* **To do**:
Print nothing except the lines of the listing below from the line with "#51=IFCPOLYGONALFACESET(#50,$,(#44,#45,#46,#47,#48,#49),$);" to the line with "#55=IFCLOCALPLACEMENT(#14,#2);", each exactly as written, both ends included.
_ _ _
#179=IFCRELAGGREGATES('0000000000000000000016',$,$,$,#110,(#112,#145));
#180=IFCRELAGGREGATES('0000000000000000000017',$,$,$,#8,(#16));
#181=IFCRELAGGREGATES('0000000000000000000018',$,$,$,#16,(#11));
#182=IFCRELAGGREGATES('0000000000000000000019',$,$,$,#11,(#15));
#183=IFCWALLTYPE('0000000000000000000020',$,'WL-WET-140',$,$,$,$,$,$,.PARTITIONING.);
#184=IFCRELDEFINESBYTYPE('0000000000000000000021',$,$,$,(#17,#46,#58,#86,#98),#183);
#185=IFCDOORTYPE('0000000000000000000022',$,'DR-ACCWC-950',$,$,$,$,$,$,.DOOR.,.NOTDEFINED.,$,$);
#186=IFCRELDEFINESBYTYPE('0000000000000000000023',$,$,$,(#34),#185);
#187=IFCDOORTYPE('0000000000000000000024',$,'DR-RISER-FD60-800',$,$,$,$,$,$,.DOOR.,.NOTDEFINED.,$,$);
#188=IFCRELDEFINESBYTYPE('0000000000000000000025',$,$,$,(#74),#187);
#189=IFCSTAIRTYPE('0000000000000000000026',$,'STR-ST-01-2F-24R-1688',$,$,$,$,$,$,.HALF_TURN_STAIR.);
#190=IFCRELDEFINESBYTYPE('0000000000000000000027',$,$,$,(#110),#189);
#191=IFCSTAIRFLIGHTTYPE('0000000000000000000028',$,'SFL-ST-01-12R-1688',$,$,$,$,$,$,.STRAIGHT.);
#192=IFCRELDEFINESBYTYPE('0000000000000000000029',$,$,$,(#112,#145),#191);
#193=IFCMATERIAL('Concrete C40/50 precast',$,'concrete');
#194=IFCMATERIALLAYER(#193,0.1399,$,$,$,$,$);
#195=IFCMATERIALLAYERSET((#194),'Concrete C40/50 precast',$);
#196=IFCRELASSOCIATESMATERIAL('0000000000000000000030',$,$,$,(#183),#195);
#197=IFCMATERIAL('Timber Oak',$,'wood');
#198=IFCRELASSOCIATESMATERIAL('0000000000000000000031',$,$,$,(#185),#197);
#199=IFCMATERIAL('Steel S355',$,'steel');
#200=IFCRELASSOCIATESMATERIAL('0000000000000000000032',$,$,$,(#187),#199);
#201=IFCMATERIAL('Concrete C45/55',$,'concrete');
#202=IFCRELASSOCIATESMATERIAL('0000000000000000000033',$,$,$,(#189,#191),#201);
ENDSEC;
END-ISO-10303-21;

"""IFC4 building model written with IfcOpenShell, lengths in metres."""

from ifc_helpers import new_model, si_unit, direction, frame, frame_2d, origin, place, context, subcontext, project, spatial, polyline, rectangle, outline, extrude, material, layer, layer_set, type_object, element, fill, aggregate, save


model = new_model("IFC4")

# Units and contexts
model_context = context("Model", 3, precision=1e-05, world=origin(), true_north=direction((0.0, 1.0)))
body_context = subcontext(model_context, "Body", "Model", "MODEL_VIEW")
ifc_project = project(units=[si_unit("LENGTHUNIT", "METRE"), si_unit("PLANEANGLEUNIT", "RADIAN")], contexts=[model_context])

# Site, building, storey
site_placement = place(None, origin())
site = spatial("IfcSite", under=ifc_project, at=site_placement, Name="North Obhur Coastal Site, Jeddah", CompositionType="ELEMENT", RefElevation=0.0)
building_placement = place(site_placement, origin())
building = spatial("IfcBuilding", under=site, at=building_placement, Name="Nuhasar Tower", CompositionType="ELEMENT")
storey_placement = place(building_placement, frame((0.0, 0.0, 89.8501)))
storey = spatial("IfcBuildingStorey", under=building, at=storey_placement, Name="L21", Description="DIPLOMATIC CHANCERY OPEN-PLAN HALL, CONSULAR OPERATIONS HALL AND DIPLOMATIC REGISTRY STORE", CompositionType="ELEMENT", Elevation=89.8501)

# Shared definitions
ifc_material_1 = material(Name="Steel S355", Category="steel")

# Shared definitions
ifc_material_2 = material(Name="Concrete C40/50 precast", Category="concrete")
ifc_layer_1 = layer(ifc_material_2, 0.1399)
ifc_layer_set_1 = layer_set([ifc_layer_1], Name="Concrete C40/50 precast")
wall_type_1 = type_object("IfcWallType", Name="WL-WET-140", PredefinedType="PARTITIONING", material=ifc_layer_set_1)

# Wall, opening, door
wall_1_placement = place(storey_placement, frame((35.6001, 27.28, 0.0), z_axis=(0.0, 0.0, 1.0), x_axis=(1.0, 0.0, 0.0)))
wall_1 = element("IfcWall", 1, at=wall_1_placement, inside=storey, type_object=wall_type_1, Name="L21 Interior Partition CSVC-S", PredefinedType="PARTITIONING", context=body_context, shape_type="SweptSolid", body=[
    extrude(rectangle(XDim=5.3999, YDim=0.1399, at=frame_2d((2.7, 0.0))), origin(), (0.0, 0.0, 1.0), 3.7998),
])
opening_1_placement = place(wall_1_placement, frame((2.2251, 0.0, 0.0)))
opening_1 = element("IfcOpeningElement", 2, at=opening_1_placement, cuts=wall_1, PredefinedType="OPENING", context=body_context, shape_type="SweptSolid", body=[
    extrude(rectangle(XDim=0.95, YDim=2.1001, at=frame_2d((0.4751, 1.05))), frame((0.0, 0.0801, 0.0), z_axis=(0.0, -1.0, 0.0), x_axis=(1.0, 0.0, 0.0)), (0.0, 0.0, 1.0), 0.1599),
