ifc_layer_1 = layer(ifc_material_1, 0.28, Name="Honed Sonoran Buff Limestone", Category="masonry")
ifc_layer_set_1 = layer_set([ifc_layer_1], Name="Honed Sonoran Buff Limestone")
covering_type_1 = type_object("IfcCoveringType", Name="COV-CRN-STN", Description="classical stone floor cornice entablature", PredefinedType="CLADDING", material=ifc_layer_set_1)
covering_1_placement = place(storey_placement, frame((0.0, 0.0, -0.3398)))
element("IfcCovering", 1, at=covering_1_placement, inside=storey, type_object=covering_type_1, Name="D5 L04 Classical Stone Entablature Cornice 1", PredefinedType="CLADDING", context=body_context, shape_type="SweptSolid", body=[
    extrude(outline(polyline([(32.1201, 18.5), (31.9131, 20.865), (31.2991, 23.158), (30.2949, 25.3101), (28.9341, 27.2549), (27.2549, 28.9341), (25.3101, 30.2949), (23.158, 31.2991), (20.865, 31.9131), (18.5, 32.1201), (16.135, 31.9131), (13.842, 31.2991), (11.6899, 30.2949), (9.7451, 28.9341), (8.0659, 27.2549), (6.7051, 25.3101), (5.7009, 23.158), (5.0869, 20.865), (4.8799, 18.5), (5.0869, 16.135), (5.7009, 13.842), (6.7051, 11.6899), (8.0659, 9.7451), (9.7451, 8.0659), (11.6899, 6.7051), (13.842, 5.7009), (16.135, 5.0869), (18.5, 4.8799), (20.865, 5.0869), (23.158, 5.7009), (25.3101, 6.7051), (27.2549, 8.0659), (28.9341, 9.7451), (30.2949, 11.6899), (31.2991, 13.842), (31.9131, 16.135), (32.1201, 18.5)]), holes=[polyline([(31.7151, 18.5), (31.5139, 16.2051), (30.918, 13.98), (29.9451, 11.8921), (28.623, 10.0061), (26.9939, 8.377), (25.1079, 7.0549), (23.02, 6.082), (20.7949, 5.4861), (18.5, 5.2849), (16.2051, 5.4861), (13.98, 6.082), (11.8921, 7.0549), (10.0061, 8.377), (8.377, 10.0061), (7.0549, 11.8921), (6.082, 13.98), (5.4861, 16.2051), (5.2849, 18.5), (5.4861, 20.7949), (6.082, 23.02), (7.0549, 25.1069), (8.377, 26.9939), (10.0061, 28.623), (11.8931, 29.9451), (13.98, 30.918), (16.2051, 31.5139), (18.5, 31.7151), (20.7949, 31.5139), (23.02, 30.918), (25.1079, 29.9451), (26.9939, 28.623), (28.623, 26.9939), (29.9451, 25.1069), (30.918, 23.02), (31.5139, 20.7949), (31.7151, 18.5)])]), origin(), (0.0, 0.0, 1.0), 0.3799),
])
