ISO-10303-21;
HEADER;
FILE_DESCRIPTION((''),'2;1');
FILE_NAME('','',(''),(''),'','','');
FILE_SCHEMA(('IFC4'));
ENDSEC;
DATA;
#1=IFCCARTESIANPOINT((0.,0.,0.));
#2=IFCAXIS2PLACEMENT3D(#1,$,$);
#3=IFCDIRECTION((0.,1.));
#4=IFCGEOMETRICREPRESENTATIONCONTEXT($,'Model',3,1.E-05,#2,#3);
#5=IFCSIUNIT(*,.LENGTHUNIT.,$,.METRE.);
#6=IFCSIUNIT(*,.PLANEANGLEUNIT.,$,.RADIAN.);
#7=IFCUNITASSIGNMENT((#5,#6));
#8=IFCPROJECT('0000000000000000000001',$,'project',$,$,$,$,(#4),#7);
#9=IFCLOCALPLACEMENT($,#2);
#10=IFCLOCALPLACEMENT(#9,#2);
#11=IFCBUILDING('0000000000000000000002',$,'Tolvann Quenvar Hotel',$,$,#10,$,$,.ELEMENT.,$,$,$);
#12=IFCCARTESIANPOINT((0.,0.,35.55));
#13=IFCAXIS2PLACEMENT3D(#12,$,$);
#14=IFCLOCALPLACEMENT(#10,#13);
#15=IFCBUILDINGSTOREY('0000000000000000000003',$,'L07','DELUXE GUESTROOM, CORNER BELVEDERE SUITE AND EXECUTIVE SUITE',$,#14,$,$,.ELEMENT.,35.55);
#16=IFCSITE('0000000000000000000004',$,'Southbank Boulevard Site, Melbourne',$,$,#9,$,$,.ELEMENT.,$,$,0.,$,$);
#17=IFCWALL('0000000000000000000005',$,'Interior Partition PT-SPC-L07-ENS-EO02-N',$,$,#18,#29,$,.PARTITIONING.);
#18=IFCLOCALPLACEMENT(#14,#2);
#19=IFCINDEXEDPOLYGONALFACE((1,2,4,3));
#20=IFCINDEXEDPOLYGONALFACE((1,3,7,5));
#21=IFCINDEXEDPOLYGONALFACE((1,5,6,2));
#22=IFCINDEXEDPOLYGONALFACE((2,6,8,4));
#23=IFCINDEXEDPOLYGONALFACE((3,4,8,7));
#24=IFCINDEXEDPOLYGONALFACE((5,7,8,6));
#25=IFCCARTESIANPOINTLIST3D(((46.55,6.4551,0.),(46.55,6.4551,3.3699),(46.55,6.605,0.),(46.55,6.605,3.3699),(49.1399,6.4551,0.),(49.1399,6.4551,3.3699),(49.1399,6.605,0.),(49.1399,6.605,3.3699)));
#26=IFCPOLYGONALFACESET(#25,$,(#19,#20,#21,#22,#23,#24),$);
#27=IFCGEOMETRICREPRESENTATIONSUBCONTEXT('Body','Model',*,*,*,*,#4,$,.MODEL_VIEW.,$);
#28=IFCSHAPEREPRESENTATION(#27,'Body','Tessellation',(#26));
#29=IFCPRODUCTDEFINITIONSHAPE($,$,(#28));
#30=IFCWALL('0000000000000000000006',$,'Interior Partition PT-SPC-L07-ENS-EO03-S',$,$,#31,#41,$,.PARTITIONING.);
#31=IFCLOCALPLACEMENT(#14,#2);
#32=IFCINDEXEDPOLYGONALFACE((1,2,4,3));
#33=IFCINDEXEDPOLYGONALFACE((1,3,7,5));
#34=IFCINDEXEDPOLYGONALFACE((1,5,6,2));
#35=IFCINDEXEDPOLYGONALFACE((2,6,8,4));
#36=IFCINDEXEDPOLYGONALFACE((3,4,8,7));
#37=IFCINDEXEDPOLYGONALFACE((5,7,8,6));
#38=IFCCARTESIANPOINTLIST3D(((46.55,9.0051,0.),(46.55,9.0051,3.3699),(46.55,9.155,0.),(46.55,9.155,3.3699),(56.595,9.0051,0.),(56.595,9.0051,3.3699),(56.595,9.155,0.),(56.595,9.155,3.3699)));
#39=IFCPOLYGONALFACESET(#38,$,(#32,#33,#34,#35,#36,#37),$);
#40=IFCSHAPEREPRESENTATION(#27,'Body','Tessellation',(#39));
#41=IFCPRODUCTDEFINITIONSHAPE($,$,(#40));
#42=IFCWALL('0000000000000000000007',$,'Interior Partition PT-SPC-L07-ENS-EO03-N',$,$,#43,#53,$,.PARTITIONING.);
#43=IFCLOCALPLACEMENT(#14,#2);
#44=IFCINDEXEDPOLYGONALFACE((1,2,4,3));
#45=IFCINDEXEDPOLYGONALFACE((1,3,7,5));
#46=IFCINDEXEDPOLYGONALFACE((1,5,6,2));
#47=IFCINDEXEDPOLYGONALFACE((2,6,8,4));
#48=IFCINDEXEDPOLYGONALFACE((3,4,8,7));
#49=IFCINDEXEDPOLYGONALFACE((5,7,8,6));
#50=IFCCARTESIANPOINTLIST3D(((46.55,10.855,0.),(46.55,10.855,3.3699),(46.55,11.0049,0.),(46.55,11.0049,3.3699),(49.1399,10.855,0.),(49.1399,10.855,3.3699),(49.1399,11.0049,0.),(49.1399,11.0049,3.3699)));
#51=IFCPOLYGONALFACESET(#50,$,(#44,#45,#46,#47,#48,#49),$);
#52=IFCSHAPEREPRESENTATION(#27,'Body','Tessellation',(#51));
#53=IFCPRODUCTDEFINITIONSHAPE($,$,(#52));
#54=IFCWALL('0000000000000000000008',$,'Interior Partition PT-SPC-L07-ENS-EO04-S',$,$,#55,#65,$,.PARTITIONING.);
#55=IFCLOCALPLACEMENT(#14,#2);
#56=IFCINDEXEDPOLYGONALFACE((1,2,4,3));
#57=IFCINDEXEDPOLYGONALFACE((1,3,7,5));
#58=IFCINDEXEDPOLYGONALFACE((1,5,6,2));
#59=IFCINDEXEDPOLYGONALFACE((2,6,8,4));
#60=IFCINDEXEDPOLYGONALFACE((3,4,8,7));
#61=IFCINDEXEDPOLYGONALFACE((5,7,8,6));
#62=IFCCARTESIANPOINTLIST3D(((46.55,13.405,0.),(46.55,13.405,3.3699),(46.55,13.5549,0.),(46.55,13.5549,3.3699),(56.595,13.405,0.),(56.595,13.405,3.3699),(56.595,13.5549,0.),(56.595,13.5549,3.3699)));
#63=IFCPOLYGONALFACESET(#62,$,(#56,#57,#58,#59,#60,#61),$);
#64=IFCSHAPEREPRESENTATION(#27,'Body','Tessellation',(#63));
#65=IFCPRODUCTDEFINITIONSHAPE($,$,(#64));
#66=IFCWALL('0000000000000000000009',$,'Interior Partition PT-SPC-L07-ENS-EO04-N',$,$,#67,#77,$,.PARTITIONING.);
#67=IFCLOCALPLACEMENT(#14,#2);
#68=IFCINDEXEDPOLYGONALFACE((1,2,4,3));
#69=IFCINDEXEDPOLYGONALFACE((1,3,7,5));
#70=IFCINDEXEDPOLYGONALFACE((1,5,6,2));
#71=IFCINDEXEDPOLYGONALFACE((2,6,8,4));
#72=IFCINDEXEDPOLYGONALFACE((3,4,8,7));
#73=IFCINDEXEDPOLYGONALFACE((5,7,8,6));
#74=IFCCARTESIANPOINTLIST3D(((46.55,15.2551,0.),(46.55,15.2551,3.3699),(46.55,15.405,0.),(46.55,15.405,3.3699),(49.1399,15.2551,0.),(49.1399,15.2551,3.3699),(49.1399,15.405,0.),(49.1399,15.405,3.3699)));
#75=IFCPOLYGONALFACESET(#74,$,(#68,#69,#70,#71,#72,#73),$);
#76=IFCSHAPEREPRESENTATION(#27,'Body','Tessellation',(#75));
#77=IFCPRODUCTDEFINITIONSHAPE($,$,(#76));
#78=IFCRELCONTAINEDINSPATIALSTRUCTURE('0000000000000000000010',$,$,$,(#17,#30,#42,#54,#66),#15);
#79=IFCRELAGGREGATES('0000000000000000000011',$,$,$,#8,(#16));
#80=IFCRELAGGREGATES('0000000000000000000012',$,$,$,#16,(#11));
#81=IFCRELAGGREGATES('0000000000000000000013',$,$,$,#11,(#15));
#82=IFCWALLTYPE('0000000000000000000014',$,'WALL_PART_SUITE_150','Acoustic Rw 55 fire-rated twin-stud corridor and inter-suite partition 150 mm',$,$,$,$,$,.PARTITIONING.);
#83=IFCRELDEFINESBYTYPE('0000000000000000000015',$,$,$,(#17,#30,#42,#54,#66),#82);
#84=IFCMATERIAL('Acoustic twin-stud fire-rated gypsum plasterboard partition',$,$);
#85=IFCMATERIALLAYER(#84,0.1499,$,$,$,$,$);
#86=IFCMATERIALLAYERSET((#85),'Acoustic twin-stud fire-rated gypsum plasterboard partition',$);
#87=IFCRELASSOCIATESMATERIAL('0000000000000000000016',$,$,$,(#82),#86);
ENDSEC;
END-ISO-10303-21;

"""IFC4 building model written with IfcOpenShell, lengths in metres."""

from ifc_helpers import new_model, si_unit, direction, frame, frame_2d, origin, place, context, subcontext, project, spatial, rectangle, extrude, material, layer, layer_set, type_object, element, save


model = new_model("IFC4")

# Units and contexts
model_context = context("Model", 3, precision=1e-05, world=origin(), true_north=direction((0.0, 1.0)))
body_context = subcontext(model_context, "Body", "Model", "MODEL_VIEW")
ifc_project = project(units=[si_unit("LENGTHUNIT", "METRE"), si_unit("PLANEANGLEUNIT", "RADIAN")], contexts=[model_context])

# Site, building, storey
site_placement = place(None, origin())
site = spatial("IfcSite", under=ifc_project, at=site_placement, Name="Southbank Boulevard Site, Melbourne", CompositionType="ELEMENT", RefElevation=0.0)
building_placement = place(site_placement, origin())
building = spatial("IfcBuilding", under=site, at=building_placement, Name="Tolvann Quenvar Hotel", CompositionType="ELEMENT")
storey_placement = place(building_placement, frame((0.0, 0.0, 35.55)))
storey = spatial("IfcBuildingStorey", under=building, at=storey_placement, Name="L07", Description="DELUXE GUESTROOM, CORNER BELVEDERE SUITE AND EXECUTIVE SUITE", CompositionType="ELEMENT", Elevation=35.55)

# Shared definitions
ifc_material_1 = material(Name="Acoustic twin-stud fire-rated gypsum plasterboard partition")
ifc_layer_1 = layer(ifc_material_1, 0.1499)
ifc_layer_set_1 = layer_set([ifc_layer_1], Name="Acoustic twin-stud fire-rated gypsum plasterboard partition")
wall_type_1 = type_object("IfcWallType", Name="WALL_PART_SUITE_150", Description="Acoustic Rw 55 fire-rated twin-stud corridor and inter-suite partition 150 mm", PredefinedType="PARTITIONING", material=ifc_layer_set_1)

# Walls
for number, where, z_axis, x_axis, name in (
    (1, (46.55, 6.53, 0.0), (0.0, 0.0, 1.0), (1.0, 0.0, 0.0), "Interior Partition PT-SPC-L07-ENS-EO02-N"),
):
    element("IfcWall", number, at=place(storey_placement, frame(where, z_axis=z_axis, x_axis=x_axis)), inside=storey, type_object=wall_type_1, Name=name, PredefinedType="PARTITIONING", context=body_context, shape_type="SweptSolid", body=[
        extrude(rectangle(XDim=2.5898, YDim=0.1499, at=frame_2d((1.2949, 0.0))), origin(), (0.0, 0.0, 1.0), 3.3699),
    ])
wall_1_placement = place(storey_placement, frame((46.55, 9.0801, 0.0), z_axis=(0.0, 0.0, 1.0), x_axis=(1.0, 0.0, 0.0)))
element("IfcWall", 2, at=wall_1_placement, inside=storey, type_object=wall_type_1, Name="Interior Partition PT-SPC-L07-ENS-EO03-S", PredefinedType="PARTITIONING", context=body_context, shape_type="SweptSolid", body=[
    extrude(rectangle(XDim=10.0449, YDim=0.1499, at=frame_2d((5.0225, 0.0))), origin(), (0.0, 0.0, 1.0), 3.3699),
])
wall_2_placement = place(storey_placement, frame((46.55, 10.9299, 0.0), z_axis=(0.0, 0.0, 1.0), x_axis=(1.0, 0.0, 0.0)))
element("IfcWall", 3, at=wall_2_placement, inside=storey, type_object=wall_type_1, Name="Interior Partition PT-SPC-L07-ENS-EO03-N", PredefinedType="PARTITIONING", context=body_context, shape_type="SweptSolid", body=[
    extrude(rectangle(XDim=2.5898, YDim=0.1499, at=frame_2d((1.2949, 0.0))), origin(), (0.0, 0.0, 1.0), 3.3699),
])
wall_3_placement = place(storey_placement, frame((46.55, 13.48, 0.0), z_axis=(0.0, 0.0, 1.0), x_axis=(1.0, 0.0, 0.0)))
element("IfcWall", 4, at=wall_3_placement, inside=storey, type_object=wall_type_1, Name="Interior Partition PT-SPC-L07-ENS-EO04-S", PredefinedType="PARTITIONING", context=body_context, shape_type="SweptSolid", body=[
    extrude(rectangle(XDim=10.0449, YDim=0.1499, at=frame_2d((5.0225, 0.0))), origin(), (0.0, 0.0, 1.0), 3.3699),
])
wall_4_placement = place(storey_placement, frame((46.55, 15.3301, 0.0), z_axis=(0.0, 0.0, 1.0), x_axis=(1.0, 0.0, 0.0)))
element("IfcWall", 5, at=wall_4_placement, inside=storey, type_object=wall_type_1, Name="Interior Partition PT-SPC-L07-ENS-EO04-N", PredefinedType="PARTITIONING", context=body_context, shape_type="SweptSolid", body=[
    extrude(rectangle(XDim=2.5898, YDim=0.1499, at=frame_2d((1.2949, 0.0))), origin(), (0.0, 0.0, 1.0), 3.3699),
])

save(model, "model.ifc")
_ _ _
* **Answer below**:
#51=IFCPOLYGONALFACESET(#50,$,(#44,#45,#46,#47,#48,#49),$);
#52=IFCSHAPEREPRESENTATION(#27,'Body','Tessellation',(#51));
#53=IFCPRODUCTDEFINITIONSHAPE($,$,(#52));
#54=IFCWALL('0000000000000000000008',$,'Interior Partition PT-SPC-L07-ENS-EO04-S',$,$,#55,#65,$,.PARTITIONING.);
#55=IFCLOCALPLACEMENT(#14,#2);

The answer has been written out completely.